» **Collected data entries**
****************************************
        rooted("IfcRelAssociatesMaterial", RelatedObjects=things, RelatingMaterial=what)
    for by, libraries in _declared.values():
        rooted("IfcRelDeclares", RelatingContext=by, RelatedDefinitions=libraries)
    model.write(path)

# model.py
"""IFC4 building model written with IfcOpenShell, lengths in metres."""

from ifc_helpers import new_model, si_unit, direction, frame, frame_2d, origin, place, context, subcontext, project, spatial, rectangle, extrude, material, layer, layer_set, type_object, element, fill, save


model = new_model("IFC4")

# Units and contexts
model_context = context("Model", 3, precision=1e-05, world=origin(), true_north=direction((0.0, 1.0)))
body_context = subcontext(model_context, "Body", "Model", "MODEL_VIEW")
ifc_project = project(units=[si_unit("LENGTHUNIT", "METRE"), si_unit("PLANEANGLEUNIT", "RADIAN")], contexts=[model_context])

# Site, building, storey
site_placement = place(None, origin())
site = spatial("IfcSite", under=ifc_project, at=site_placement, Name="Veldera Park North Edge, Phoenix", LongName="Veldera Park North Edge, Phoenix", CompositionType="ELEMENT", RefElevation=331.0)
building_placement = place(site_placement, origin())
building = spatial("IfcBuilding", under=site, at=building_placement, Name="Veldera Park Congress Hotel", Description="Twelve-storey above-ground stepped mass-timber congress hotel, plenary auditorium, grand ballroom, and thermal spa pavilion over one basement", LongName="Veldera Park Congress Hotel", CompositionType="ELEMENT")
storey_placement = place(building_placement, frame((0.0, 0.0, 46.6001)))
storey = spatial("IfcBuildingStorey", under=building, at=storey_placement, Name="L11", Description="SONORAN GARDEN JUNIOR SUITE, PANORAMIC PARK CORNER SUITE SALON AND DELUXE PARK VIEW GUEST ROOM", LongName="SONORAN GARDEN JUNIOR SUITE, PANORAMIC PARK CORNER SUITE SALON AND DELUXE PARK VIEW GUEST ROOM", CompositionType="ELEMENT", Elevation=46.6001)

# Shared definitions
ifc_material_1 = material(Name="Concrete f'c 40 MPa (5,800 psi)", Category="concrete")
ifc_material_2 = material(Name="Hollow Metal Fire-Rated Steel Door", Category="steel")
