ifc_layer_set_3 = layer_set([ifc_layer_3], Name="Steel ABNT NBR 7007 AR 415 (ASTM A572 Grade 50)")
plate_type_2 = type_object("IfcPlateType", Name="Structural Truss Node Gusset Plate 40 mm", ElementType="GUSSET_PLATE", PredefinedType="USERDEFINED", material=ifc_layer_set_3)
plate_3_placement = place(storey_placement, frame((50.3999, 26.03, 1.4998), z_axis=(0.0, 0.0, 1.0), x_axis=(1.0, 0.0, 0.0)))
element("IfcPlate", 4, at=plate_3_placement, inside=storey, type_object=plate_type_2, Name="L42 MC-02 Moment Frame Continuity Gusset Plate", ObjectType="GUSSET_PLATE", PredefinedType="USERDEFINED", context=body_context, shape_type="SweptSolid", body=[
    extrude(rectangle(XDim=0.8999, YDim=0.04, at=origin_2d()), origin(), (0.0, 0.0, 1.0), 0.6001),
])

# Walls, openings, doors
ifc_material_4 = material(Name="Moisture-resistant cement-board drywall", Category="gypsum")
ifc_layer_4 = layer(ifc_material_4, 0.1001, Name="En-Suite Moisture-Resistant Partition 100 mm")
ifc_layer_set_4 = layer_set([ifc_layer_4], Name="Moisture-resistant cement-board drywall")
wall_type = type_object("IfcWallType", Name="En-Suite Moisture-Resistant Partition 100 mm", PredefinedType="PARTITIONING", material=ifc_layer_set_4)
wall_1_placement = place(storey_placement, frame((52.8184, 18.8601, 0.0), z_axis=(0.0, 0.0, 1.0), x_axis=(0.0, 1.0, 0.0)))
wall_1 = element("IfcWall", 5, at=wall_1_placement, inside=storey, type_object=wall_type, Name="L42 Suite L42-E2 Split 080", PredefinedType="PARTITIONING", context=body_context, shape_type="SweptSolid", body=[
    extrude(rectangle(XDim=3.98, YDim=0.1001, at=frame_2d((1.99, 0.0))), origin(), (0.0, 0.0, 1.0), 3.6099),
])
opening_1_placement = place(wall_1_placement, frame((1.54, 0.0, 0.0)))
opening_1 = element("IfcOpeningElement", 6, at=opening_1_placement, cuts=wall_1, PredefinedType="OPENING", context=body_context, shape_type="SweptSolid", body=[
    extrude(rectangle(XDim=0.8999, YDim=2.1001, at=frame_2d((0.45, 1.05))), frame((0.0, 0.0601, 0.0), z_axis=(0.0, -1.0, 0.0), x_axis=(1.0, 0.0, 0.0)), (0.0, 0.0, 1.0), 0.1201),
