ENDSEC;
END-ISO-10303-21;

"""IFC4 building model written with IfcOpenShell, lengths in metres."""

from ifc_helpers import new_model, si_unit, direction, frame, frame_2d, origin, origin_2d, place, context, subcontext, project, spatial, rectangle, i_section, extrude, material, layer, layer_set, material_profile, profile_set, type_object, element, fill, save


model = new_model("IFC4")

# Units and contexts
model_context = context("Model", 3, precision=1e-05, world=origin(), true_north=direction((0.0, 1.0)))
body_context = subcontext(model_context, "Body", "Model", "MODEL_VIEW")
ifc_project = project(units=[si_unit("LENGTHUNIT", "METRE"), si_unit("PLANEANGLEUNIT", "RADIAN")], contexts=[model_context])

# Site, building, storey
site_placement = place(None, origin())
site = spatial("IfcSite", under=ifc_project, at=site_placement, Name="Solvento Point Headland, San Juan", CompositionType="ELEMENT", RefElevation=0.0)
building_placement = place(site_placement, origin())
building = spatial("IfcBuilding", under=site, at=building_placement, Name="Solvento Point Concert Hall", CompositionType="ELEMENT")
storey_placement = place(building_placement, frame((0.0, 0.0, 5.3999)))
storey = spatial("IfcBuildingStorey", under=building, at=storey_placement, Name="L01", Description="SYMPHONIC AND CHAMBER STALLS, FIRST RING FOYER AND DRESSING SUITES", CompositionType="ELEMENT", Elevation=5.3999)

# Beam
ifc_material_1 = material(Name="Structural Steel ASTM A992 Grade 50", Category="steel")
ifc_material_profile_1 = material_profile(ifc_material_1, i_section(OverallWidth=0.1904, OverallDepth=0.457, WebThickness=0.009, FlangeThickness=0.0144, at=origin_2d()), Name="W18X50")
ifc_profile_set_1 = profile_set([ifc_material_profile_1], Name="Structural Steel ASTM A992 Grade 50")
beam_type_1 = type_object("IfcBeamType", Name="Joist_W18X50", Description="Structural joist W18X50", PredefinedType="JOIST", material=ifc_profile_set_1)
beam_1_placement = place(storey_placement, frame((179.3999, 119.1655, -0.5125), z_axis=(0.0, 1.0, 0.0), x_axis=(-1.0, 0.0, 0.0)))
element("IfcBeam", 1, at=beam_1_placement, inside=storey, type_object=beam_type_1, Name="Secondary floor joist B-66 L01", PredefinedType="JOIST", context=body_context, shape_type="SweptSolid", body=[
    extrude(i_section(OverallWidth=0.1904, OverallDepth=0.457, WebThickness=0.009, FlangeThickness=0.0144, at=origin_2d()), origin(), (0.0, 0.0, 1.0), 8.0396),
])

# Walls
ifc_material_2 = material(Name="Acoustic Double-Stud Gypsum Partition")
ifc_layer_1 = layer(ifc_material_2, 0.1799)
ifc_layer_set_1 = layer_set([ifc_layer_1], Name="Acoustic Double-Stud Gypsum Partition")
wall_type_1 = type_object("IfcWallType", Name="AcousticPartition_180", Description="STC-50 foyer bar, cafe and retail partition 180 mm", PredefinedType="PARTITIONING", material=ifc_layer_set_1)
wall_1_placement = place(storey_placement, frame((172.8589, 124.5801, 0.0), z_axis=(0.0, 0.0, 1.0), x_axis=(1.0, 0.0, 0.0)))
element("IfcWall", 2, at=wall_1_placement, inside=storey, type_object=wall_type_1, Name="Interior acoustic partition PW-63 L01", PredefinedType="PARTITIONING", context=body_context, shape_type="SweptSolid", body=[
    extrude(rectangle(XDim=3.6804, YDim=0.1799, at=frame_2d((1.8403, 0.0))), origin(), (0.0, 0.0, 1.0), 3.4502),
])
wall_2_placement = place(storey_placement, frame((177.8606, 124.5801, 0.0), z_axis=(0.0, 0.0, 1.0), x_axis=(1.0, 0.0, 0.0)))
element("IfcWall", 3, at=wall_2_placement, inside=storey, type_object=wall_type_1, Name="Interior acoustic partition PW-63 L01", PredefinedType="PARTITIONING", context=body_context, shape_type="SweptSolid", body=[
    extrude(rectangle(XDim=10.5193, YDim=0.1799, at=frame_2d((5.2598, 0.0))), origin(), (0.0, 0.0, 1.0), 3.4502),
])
****************************************
» **Aim of the task**
The answer must consist of each line from the entries that contains the string "subcontext".

» **Expected output**
from ifc_helpers import new_model, si_unit, direction, frame, frame_2d, origin, place, context, subcontext, project, spatial, rectangle, extrude, material, layer, layer_set, type_object, element, fill, save
body_context = subcontext(model_context, "Body", "Model", "MODEL_VIEW")
from ifc_helpers import new_model, si_unit, direction, frame, frame_2d, origin, origin_2d, place, context, subcontext, project, spatial, rectangle, i_section, extrude, material, layer, layer_set, material_profile, profile_set, type_object, element, fill, save
body_context = subcontext(model_context, "Body", "Model", "MODEL_VIEW")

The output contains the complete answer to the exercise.